DATA SUPPLIED —
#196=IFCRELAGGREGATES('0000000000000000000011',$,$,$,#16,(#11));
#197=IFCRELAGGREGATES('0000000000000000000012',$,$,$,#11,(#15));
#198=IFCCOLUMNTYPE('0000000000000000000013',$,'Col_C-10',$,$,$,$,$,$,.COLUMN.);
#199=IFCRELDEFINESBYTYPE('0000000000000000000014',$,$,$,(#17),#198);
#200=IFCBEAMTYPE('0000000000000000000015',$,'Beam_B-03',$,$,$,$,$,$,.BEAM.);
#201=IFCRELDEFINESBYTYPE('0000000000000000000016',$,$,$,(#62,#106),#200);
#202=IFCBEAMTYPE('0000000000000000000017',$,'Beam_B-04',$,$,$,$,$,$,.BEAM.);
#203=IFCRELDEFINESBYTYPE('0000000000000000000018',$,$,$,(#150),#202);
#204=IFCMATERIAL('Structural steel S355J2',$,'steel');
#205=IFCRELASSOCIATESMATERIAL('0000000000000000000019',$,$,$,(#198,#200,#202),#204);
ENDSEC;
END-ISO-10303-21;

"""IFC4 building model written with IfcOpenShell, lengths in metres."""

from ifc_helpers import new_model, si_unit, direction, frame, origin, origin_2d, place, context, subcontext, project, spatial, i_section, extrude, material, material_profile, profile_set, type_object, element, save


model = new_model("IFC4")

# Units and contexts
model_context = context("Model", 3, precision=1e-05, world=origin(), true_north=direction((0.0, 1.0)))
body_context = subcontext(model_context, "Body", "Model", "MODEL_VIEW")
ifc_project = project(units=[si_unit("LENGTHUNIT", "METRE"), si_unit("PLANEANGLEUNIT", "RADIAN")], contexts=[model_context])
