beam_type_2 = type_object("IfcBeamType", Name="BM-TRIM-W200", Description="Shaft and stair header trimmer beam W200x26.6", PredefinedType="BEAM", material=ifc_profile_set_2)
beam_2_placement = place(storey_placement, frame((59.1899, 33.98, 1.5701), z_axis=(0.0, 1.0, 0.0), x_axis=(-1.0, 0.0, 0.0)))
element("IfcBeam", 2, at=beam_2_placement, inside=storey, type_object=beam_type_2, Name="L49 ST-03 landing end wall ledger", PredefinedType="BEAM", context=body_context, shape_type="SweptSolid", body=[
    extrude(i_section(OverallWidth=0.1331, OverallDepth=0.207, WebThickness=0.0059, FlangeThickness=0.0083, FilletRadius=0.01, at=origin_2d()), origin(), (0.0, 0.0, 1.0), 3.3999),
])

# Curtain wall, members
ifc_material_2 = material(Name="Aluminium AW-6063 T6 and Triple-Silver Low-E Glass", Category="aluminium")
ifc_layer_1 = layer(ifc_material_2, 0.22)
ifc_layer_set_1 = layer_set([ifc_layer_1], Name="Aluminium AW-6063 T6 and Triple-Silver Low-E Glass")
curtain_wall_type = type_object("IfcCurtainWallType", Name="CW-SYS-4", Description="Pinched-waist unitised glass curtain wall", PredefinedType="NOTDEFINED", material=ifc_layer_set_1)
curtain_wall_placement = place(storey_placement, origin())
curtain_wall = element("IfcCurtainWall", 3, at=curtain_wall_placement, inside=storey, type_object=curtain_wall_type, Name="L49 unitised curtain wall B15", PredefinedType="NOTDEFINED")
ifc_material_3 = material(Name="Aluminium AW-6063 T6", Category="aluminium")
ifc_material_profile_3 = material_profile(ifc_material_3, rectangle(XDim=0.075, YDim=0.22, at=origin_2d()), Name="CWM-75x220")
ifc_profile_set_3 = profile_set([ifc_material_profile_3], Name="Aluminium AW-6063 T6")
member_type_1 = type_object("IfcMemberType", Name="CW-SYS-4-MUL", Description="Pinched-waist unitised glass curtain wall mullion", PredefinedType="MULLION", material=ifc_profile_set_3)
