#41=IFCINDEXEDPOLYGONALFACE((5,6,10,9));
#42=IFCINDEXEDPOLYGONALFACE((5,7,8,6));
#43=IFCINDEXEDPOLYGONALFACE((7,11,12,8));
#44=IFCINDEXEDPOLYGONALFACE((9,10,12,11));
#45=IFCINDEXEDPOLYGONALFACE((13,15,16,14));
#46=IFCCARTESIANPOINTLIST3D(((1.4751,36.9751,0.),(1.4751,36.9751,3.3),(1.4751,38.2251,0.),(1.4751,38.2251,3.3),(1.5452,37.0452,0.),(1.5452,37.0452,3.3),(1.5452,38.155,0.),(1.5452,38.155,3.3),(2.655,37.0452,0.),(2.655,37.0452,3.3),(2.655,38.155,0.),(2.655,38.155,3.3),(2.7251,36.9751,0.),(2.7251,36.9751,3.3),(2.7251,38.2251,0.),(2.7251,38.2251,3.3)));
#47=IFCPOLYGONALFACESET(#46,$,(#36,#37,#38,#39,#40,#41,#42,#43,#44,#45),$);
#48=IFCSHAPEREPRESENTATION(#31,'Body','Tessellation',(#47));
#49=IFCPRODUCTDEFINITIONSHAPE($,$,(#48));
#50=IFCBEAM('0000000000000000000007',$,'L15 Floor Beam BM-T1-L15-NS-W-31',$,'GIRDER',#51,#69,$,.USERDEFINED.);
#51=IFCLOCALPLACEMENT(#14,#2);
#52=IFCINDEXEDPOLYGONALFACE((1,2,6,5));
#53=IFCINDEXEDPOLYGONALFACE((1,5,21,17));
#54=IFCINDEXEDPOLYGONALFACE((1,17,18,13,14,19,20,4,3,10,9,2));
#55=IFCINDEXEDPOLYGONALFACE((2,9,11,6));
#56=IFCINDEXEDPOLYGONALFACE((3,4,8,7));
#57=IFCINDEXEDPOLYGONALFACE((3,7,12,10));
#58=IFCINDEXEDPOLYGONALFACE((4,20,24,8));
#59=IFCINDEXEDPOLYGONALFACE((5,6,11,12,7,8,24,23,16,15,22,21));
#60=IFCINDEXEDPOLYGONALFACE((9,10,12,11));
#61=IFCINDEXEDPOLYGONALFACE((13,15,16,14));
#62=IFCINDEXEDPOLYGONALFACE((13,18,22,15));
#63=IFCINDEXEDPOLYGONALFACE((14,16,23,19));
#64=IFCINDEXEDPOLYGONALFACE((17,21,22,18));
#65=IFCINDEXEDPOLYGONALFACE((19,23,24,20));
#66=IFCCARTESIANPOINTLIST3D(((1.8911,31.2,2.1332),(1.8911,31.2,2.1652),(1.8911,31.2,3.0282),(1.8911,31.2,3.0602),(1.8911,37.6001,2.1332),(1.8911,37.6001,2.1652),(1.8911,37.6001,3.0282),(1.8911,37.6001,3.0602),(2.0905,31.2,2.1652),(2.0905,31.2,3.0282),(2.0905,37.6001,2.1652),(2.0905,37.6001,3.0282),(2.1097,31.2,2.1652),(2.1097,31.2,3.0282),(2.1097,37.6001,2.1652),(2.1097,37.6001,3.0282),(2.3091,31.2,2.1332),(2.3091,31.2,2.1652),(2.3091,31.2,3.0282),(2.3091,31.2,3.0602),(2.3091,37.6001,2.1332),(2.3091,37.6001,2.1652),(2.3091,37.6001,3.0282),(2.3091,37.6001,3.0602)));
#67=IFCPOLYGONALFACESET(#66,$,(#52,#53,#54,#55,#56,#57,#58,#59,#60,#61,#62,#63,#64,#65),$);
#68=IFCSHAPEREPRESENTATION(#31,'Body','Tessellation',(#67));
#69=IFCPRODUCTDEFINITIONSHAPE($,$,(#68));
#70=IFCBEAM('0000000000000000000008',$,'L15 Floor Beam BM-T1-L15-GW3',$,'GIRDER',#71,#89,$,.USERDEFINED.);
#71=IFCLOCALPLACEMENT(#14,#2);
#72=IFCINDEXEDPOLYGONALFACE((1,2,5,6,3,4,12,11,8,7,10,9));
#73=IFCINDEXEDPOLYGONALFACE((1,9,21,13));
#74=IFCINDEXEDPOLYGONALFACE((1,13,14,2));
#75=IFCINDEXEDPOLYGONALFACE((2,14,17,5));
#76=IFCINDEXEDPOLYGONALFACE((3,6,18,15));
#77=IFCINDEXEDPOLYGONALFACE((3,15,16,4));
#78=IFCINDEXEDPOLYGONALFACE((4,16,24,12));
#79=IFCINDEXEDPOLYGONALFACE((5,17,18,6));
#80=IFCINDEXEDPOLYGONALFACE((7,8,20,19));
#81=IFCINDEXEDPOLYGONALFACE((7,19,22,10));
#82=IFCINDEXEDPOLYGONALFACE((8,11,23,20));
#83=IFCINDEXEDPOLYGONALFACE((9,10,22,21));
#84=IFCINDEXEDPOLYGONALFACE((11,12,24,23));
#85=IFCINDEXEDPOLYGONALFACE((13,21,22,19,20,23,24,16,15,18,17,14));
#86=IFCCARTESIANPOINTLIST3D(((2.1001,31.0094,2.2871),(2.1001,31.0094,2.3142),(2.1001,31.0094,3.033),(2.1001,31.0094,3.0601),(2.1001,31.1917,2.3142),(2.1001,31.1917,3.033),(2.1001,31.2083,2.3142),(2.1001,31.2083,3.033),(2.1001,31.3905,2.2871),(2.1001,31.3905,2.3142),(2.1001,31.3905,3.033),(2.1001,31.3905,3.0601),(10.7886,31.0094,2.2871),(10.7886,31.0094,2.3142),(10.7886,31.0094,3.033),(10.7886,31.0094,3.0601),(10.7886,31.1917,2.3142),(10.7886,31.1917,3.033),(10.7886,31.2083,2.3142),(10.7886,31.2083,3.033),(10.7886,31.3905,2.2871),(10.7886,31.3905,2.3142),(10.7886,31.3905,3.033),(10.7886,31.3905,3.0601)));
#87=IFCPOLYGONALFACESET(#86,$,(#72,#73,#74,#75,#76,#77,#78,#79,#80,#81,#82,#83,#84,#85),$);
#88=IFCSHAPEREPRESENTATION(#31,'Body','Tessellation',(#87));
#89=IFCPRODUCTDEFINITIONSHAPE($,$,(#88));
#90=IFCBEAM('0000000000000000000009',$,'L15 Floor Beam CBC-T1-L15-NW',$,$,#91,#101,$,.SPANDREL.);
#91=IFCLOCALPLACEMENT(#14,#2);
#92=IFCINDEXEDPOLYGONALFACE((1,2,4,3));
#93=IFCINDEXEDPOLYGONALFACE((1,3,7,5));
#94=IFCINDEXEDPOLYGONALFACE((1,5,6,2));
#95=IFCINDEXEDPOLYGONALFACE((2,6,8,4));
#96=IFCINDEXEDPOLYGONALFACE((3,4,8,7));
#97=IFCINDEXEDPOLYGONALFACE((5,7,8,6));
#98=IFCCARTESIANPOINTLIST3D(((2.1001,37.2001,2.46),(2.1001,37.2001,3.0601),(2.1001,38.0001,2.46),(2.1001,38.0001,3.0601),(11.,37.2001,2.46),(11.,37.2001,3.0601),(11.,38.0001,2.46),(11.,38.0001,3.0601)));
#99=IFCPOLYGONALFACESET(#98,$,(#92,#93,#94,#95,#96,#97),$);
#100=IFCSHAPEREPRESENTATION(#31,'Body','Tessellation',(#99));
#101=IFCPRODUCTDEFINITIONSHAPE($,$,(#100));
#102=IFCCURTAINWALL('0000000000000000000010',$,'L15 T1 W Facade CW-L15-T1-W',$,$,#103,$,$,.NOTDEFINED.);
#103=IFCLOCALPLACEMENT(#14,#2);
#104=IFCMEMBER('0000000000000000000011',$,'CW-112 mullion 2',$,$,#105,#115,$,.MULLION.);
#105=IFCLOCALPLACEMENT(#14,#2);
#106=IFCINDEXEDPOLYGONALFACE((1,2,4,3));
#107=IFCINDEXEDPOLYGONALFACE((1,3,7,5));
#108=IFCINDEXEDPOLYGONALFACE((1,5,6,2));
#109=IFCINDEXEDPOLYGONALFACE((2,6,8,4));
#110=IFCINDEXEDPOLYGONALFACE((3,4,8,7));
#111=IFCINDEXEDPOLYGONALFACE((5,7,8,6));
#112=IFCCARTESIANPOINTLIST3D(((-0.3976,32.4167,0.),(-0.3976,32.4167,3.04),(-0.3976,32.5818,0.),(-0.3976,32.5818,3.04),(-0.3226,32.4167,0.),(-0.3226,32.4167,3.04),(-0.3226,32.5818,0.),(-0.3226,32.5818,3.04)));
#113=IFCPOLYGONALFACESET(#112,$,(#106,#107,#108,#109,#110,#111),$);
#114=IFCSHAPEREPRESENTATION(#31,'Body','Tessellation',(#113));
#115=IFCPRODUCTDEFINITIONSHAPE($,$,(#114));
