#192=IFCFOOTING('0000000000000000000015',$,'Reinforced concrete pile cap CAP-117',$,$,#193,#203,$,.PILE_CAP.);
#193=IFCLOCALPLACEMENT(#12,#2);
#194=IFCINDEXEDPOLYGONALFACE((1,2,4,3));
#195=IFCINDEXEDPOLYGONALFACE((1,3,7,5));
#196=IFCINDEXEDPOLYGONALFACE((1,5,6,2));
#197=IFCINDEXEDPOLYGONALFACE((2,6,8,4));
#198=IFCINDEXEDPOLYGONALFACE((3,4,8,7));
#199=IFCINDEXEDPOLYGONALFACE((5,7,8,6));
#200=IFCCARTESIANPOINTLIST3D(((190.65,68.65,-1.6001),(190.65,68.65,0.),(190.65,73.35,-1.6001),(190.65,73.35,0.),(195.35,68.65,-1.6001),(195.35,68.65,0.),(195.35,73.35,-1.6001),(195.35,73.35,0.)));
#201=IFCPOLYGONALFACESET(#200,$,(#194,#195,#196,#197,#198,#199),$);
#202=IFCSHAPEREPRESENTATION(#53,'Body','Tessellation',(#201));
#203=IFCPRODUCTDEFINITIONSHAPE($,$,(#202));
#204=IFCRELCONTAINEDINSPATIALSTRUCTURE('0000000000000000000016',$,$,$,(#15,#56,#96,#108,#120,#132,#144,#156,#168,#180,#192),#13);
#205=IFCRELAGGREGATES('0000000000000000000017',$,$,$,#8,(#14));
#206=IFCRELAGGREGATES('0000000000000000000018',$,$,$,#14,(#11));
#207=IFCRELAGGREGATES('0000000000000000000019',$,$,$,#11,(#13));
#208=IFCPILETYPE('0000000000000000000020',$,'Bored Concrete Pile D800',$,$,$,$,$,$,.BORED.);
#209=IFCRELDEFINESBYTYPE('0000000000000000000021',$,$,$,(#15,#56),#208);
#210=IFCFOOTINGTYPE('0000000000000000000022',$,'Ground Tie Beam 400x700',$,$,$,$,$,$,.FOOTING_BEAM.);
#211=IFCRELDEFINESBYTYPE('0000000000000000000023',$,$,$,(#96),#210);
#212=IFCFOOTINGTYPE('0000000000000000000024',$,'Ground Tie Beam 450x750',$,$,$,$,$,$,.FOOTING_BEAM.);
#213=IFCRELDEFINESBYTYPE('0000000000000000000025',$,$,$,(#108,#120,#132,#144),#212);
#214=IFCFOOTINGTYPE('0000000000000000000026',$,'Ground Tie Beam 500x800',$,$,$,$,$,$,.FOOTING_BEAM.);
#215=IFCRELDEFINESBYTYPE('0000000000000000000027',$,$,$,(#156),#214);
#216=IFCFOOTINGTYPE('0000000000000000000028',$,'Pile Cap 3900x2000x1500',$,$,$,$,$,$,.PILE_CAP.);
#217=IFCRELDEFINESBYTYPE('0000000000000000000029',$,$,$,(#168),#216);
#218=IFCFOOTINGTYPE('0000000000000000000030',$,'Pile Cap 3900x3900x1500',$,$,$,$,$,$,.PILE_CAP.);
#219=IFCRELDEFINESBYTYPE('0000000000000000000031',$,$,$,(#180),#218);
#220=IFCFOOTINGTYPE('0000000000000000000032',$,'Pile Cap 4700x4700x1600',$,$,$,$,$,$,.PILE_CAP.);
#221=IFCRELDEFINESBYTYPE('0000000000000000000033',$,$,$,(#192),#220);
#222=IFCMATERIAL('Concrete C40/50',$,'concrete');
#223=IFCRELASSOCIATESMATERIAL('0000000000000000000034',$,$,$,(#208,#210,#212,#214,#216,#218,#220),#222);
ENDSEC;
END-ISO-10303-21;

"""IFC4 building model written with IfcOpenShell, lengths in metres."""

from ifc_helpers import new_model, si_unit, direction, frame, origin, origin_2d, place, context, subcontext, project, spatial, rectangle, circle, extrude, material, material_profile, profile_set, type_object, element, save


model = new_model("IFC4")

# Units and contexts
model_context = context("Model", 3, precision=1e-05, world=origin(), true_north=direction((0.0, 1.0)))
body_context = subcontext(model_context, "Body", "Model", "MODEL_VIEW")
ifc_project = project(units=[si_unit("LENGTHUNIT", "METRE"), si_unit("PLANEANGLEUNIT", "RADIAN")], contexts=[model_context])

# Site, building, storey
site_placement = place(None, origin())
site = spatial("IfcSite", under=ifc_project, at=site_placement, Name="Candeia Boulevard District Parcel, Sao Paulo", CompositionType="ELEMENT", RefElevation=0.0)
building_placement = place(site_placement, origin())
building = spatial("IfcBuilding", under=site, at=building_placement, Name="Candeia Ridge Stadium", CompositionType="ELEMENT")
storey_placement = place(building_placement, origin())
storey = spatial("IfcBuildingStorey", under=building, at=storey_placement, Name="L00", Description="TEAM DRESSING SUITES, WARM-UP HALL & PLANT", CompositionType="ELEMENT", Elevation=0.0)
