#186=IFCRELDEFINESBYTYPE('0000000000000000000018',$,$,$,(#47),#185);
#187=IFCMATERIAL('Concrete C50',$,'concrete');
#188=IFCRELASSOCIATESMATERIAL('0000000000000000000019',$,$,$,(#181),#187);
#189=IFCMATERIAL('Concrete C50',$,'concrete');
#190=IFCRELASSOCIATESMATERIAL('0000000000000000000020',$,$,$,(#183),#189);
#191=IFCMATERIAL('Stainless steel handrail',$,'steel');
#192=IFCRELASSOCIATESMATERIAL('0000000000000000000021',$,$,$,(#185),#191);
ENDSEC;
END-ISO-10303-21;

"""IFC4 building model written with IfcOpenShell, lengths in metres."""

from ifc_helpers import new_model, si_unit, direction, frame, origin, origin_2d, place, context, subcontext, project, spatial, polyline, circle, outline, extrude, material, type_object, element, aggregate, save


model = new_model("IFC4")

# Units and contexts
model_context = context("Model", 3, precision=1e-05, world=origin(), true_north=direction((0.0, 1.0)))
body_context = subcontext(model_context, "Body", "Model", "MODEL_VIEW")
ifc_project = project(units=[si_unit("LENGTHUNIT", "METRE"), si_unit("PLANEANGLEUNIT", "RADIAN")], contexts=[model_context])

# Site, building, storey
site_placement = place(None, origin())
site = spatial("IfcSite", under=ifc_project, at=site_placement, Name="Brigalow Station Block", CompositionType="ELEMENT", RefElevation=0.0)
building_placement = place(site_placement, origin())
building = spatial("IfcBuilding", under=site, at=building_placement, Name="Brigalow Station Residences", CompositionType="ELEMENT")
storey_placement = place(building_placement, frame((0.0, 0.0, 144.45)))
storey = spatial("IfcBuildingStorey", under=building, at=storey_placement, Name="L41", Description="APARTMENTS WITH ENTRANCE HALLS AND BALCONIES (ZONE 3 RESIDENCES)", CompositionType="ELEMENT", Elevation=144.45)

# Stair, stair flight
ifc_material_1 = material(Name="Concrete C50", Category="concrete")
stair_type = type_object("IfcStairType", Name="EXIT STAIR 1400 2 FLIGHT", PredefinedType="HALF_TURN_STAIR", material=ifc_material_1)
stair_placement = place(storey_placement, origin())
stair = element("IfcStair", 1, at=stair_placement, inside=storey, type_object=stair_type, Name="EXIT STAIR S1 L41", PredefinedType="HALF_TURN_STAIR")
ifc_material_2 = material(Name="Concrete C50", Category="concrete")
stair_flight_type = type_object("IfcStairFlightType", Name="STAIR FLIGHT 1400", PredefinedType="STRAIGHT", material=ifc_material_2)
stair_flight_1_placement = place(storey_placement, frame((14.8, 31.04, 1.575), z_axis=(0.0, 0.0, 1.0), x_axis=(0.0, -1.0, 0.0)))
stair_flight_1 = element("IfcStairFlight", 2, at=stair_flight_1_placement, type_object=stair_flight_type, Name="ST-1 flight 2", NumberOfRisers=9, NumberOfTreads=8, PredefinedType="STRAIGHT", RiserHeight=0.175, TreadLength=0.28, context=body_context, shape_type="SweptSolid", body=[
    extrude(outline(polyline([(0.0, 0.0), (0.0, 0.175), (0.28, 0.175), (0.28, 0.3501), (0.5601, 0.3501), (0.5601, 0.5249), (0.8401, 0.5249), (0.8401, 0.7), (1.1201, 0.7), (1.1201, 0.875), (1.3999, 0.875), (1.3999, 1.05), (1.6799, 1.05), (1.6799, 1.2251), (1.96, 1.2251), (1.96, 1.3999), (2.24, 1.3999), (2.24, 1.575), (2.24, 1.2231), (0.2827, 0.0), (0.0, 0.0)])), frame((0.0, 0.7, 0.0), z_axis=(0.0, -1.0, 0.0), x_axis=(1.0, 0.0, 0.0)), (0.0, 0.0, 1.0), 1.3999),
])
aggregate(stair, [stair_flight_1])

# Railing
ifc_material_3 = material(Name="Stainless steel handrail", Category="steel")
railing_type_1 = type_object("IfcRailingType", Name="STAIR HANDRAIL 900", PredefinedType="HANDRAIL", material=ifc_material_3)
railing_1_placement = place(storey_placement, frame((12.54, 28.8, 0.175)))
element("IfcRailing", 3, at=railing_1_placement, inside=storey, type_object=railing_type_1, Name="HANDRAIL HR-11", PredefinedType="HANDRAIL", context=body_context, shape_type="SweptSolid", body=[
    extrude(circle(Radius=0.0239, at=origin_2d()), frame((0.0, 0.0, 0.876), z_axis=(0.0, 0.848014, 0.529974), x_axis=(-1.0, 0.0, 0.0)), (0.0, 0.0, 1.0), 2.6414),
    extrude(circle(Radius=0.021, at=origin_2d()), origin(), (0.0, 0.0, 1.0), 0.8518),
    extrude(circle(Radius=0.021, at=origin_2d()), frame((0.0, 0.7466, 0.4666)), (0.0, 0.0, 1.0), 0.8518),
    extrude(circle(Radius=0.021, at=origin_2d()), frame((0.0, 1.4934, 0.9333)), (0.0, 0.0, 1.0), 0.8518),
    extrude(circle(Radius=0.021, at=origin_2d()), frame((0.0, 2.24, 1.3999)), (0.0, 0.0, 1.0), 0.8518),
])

GOAL OF THE EXERCISE — Give the exact lines, and only those, from the line containing "#56=IFCINDEXEDPOLYGONALFACE((3,4,8,7));" through the line containing "#65=IFCINDEXEDPOLYGONALFACE((19,23,24,20));" in the entries above.

TASK RESPONSE —
#56=IFCINDEXEDPOLYGONALFACE((3,4,8,7));
#57=IFCINDEXEDPOLYGONALFACE((3,7,12,10));
#58=IFCINDEXEDPOLYGONALFACE((4,20,24,8));
#59=IFCINDEXEDPOLYGONALFACE((5,6,11,12,7,8,24,23,16,15,22,21));
#60=IFCINDEXEDPOLYGONALFACE((9,10,12,11));
#61=IFCINDEXEDPOLYGONALFACE((13,15,16,14));
#62=IFCINDEXEDPOLYGONALFACE((13,18,22,15));
#63=IFCINDEXEDPOLYGONALFACE((14,16,23,19));
#64=IFCINDEXEDPOLYGONALFACE((17,21,22,18));
#65=IFCINDEXEDPOLYGONALFACE((19,23,24,20));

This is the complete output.